● **BRIEF**: For the entries that follow, count the lines containing the string "attributes" and write only the number.
+++ RECORDS FOR THE EXERCISE
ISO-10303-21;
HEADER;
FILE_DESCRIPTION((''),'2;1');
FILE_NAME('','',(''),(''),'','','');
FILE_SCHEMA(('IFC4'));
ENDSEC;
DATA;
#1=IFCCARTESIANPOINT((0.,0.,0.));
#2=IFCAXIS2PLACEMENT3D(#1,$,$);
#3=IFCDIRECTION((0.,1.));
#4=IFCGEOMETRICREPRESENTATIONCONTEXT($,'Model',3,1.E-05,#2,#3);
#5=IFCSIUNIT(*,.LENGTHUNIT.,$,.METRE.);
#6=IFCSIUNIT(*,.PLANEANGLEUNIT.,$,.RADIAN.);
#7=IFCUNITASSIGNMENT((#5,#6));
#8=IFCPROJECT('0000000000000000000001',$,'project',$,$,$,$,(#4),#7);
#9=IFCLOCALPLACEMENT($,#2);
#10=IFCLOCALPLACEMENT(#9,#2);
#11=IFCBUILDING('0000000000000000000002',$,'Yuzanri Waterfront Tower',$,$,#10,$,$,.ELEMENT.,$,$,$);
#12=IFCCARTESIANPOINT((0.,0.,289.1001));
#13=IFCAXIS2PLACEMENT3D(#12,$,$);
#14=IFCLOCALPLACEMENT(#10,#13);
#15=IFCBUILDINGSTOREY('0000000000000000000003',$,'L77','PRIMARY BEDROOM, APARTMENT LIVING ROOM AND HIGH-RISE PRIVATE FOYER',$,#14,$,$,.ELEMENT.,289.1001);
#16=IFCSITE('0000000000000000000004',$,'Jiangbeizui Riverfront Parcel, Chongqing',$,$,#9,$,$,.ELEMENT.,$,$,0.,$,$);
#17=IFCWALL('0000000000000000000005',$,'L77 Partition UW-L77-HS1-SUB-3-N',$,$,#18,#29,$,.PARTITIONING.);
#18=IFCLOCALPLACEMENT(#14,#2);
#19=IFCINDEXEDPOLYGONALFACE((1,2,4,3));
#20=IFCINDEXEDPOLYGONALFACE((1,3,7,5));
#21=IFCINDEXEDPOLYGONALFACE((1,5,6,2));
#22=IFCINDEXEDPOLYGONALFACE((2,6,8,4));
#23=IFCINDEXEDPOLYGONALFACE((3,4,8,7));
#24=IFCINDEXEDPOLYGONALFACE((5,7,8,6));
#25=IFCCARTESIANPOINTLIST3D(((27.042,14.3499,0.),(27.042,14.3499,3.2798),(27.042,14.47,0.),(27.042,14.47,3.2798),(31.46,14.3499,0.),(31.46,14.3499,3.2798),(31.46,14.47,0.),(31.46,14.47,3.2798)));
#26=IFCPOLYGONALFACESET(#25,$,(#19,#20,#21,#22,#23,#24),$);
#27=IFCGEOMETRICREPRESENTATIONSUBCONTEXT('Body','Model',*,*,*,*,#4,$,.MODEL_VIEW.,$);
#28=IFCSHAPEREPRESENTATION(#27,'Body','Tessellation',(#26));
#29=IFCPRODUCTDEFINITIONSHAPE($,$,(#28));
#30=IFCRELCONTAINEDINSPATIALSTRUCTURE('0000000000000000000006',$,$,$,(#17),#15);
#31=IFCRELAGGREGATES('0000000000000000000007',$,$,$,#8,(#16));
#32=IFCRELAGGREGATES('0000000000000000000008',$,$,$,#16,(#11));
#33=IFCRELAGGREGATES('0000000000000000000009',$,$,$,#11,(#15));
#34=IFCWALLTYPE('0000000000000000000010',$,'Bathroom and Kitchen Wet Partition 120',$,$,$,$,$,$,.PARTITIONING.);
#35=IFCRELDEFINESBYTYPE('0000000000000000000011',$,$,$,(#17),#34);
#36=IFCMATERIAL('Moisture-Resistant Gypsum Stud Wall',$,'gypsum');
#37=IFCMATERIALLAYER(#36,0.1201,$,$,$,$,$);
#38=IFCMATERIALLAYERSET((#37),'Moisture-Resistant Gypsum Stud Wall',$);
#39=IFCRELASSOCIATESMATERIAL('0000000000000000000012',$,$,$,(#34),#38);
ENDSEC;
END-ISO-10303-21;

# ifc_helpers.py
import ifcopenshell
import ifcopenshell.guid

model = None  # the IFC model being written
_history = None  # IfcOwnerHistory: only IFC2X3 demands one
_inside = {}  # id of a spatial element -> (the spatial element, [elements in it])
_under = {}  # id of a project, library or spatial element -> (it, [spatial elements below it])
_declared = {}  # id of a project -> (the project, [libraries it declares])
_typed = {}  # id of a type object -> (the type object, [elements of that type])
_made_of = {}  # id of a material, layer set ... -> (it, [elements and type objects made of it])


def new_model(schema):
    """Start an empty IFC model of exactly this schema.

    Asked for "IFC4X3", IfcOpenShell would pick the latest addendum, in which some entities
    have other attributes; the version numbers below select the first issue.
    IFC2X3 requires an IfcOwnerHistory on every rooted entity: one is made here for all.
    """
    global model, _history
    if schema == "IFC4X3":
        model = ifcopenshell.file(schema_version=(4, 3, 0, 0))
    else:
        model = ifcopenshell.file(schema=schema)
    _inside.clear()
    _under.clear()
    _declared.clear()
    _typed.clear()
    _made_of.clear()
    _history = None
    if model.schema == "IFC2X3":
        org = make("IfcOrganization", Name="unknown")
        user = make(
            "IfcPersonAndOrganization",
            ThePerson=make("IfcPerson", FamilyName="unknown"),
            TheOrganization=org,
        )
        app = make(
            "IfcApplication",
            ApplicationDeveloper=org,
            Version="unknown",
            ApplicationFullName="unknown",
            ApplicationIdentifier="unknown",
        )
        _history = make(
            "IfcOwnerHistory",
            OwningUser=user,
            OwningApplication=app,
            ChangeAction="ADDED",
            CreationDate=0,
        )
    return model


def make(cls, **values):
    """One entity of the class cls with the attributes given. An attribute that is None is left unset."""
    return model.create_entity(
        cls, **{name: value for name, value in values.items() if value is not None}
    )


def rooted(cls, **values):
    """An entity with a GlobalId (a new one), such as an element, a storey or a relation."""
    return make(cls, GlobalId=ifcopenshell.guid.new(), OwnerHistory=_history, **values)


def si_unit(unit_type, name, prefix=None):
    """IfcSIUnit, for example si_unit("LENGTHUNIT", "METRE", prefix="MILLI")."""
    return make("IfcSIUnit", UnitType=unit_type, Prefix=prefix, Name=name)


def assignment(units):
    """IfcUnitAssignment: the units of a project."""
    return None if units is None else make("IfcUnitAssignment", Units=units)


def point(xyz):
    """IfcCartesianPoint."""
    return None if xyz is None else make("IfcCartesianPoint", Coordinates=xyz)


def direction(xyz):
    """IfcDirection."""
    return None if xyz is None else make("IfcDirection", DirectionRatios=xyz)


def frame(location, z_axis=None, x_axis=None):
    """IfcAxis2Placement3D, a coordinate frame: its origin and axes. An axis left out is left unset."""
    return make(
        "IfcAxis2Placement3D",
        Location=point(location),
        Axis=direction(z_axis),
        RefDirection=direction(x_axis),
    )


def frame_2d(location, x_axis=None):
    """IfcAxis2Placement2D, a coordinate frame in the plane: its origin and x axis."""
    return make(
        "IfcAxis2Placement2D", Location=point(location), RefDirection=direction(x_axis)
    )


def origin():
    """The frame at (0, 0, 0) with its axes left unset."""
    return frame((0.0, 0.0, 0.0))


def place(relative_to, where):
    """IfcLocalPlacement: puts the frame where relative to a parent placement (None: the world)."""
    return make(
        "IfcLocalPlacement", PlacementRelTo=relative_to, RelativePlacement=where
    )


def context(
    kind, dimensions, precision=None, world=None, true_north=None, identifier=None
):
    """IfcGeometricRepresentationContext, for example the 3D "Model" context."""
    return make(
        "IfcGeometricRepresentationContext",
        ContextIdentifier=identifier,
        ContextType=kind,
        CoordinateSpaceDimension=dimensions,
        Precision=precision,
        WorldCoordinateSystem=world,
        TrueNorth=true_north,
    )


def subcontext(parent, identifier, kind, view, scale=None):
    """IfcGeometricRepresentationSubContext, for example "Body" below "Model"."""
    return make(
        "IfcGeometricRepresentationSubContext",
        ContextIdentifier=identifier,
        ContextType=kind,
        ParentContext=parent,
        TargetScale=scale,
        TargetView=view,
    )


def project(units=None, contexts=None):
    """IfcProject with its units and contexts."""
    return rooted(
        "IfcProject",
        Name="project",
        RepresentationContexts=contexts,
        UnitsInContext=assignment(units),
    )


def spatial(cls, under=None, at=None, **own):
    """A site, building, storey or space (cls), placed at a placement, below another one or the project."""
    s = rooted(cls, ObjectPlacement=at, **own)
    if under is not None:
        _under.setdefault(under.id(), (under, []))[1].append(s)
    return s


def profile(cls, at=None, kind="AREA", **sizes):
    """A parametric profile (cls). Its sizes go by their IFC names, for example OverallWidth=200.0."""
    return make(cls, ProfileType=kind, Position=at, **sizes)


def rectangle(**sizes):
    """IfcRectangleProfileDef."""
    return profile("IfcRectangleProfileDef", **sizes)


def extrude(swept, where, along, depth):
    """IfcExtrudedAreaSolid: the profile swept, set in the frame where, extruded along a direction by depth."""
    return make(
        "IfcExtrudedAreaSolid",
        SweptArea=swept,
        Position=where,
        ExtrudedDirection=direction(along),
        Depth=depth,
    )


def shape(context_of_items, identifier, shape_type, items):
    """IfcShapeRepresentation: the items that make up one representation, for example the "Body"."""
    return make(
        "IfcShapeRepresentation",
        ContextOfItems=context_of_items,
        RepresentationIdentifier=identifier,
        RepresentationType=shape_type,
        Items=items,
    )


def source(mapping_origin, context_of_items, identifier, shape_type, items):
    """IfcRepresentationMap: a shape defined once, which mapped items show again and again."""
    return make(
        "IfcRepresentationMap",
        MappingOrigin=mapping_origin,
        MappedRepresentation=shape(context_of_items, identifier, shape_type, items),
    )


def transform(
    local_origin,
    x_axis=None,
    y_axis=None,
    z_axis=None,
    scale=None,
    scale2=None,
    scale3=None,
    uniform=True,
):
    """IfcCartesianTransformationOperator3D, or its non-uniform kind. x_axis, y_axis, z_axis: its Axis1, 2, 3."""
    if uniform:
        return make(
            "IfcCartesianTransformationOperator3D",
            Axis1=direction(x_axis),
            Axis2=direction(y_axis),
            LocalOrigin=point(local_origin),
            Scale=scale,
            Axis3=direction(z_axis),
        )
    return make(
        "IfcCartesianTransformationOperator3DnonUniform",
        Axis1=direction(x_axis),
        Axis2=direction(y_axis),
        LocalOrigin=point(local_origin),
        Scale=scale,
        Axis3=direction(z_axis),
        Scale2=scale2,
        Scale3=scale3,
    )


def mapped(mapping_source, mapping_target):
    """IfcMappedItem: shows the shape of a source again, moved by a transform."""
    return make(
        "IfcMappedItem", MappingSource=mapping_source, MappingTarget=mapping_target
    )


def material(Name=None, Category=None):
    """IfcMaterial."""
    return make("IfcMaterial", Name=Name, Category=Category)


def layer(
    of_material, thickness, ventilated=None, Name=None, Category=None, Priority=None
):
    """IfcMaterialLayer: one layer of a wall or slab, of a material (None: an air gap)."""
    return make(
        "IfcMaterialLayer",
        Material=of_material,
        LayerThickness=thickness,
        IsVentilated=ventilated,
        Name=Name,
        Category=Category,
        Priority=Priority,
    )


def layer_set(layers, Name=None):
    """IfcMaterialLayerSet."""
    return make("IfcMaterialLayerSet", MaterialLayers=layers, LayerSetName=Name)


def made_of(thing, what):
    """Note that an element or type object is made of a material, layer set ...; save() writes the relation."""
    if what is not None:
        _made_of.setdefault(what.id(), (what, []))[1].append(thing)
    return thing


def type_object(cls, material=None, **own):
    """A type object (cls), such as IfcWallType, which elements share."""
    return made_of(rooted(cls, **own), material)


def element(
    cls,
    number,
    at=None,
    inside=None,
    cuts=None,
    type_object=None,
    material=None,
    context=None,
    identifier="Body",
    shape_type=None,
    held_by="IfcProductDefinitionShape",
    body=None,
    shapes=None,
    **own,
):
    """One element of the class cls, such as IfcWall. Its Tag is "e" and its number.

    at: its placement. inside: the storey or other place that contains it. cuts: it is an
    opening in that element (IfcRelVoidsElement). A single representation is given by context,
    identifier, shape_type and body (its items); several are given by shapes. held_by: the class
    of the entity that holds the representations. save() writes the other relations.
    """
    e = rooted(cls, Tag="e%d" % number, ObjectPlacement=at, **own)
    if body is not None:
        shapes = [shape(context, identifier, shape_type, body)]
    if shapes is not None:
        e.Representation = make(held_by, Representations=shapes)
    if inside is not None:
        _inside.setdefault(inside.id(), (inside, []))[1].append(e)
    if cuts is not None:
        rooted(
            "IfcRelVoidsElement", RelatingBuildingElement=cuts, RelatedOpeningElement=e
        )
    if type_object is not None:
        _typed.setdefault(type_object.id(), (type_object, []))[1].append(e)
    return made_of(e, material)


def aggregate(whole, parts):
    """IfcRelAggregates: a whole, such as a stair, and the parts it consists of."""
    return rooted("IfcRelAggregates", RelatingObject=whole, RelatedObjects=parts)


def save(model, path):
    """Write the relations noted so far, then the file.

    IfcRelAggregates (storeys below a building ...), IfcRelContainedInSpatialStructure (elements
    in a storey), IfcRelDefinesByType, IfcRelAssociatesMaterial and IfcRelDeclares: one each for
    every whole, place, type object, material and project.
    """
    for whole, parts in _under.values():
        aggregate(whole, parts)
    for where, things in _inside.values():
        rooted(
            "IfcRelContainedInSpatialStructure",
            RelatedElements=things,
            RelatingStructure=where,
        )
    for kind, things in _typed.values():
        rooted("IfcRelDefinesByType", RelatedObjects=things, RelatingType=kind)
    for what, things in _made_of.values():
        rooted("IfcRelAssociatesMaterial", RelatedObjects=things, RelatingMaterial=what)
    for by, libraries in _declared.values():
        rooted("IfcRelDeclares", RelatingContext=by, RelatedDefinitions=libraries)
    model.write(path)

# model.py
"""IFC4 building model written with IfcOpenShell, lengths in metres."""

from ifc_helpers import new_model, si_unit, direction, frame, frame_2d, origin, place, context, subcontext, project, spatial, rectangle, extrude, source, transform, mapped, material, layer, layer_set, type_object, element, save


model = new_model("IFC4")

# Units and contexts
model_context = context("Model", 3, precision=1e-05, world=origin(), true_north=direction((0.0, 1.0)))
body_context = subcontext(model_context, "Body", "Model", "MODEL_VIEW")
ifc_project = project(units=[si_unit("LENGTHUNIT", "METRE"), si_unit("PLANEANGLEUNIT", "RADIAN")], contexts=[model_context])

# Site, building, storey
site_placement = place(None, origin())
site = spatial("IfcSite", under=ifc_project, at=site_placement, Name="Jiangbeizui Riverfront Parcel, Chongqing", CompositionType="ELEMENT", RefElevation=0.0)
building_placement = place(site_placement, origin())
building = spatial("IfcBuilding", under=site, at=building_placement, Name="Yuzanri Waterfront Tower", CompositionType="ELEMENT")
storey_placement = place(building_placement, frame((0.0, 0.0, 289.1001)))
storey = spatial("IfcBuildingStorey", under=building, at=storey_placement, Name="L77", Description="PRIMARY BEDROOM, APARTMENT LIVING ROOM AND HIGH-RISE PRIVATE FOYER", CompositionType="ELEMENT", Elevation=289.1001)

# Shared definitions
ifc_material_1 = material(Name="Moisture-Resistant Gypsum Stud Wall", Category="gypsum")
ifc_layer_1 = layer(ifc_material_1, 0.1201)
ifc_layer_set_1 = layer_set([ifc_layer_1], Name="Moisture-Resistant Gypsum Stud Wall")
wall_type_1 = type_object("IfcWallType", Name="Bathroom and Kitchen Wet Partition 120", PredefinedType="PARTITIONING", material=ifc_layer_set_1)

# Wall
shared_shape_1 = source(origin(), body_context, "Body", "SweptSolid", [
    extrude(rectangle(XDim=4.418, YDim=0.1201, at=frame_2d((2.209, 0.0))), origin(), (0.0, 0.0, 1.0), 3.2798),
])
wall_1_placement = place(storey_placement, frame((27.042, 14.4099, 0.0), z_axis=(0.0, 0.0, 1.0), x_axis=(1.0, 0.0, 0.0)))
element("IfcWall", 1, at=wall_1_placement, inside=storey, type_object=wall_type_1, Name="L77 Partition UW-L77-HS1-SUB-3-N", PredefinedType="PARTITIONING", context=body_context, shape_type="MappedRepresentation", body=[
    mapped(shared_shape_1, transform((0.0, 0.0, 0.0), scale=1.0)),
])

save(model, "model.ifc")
++++++
+++ RECORDS FOR THE EXERCISE
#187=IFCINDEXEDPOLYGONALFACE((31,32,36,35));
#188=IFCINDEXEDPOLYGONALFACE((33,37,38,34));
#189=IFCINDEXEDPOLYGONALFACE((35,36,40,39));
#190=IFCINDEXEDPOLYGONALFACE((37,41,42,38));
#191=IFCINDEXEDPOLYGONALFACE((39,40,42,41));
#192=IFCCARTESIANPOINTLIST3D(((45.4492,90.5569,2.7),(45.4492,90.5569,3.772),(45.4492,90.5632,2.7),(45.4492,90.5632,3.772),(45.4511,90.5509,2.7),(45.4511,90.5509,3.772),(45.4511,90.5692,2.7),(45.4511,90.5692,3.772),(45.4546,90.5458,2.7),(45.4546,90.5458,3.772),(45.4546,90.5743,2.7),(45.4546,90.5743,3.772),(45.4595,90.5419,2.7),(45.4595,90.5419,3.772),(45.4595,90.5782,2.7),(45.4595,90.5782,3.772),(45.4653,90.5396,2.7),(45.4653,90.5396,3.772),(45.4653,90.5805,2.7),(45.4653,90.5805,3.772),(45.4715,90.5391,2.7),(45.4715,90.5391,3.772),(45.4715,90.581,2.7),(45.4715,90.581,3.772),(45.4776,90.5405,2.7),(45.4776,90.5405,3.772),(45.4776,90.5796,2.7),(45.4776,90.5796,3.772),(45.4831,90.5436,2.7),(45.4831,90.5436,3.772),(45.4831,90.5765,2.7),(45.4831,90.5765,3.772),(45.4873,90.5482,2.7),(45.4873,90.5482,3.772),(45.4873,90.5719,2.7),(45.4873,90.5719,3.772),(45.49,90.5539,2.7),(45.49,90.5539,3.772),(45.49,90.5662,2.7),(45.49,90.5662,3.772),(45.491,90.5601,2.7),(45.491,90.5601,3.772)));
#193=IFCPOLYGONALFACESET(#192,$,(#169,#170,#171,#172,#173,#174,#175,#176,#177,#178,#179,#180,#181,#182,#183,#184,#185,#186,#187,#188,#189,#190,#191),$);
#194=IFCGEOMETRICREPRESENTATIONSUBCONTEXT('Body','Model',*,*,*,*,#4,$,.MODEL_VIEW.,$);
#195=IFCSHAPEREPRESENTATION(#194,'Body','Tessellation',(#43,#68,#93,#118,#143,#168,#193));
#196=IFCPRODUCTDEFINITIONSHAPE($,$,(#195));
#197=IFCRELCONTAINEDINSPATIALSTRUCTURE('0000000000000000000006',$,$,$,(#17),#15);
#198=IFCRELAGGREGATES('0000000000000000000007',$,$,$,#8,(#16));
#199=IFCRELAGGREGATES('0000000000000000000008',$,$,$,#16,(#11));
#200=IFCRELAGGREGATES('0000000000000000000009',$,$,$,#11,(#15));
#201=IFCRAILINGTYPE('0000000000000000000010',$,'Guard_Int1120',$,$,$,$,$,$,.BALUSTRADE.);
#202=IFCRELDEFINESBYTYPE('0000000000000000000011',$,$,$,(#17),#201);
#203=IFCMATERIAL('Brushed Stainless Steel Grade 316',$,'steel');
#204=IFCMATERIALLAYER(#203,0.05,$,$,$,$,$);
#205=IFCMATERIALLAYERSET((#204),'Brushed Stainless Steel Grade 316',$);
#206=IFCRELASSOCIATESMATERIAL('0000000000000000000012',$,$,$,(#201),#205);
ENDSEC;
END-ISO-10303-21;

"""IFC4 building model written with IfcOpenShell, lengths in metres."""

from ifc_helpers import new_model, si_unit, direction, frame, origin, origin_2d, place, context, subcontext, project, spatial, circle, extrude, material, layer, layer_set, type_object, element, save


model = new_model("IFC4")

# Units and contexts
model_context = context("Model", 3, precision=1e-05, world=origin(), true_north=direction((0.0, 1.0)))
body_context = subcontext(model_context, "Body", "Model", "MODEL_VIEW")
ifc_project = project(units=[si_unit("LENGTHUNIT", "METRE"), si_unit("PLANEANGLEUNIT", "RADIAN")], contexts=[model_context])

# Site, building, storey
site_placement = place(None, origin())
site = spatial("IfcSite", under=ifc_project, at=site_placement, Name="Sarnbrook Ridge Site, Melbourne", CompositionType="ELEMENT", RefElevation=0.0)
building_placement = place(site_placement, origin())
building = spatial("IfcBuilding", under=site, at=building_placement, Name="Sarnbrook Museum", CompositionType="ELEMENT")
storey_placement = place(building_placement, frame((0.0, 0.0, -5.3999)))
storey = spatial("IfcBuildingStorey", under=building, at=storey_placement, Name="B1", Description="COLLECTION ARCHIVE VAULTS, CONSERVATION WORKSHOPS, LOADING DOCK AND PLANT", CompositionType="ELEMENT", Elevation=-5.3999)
++++++
+++ RECORDS FOR THE EXERCISE
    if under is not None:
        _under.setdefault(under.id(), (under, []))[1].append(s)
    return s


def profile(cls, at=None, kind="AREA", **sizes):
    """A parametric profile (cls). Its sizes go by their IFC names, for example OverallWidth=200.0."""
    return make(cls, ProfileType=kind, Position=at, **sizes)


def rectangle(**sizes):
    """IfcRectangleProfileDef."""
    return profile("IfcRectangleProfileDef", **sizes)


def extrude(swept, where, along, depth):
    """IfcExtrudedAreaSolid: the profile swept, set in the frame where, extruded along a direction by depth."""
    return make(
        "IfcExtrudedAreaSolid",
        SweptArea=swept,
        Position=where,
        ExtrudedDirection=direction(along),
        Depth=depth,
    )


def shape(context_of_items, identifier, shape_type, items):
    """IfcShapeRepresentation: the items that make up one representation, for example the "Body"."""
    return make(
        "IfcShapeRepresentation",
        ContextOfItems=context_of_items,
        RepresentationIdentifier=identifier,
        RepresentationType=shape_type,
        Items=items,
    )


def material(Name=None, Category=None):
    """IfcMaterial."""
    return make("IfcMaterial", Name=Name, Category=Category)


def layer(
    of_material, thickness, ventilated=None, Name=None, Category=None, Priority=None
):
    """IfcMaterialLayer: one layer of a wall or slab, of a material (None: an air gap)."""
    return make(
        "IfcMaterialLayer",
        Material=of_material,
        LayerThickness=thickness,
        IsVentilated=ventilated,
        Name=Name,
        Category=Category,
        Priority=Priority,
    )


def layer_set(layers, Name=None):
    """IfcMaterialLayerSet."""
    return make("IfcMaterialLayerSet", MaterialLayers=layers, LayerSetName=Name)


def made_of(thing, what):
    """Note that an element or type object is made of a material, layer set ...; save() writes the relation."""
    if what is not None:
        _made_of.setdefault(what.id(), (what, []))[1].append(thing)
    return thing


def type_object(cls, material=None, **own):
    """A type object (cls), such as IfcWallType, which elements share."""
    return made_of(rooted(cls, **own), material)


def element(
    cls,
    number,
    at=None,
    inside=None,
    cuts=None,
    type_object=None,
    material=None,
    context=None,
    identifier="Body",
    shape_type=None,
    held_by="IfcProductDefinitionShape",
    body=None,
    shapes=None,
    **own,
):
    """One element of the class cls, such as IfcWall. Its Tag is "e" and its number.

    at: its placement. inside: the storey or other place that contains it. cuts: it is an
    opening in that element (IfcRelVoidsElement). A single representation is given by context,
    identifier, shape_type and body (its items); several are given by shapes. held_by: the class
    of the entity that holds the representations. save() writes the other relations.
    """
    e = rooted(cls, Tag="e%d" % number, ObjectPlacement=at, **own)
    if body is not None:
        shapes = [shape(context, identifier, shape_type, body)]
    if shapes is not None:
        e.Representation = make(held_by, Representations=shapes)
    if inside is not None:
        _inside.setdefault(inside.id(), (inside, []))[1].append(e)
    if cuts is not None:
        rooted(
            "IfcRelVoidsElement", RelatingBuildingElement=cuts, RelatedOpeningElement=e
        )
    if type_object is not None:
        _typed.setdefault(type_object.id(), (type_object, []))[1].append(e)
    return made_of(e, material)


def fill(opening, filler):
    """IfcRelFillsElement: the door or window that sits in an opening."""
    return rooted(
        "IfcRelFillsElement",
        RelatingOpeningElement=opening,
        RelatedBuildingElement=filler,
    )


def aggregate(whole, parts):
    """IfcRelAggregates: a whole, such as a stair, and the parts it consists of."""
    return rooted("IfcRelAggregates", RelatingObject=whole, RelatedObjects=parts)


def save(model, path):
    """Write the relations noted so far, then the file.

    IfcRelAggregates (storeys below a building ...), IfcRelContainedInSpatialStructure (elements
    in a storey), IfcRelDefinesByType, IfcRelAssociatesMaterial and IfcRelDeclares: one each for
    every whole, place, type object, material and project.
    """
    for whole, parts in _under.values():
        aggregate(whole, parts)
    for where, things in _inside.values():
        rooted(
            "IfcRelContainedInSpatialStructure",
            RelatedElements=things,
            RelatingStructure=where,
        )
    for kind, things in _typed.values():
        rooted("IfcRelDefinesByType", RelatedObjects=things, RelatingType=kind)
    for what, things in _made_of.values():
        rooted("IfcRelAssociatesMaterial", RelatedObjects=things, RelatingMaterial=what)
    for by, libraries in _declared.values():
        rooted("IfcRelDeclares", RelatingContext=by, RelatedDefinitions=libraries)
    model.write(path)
++++++
● **RESPONSE AREA**: 2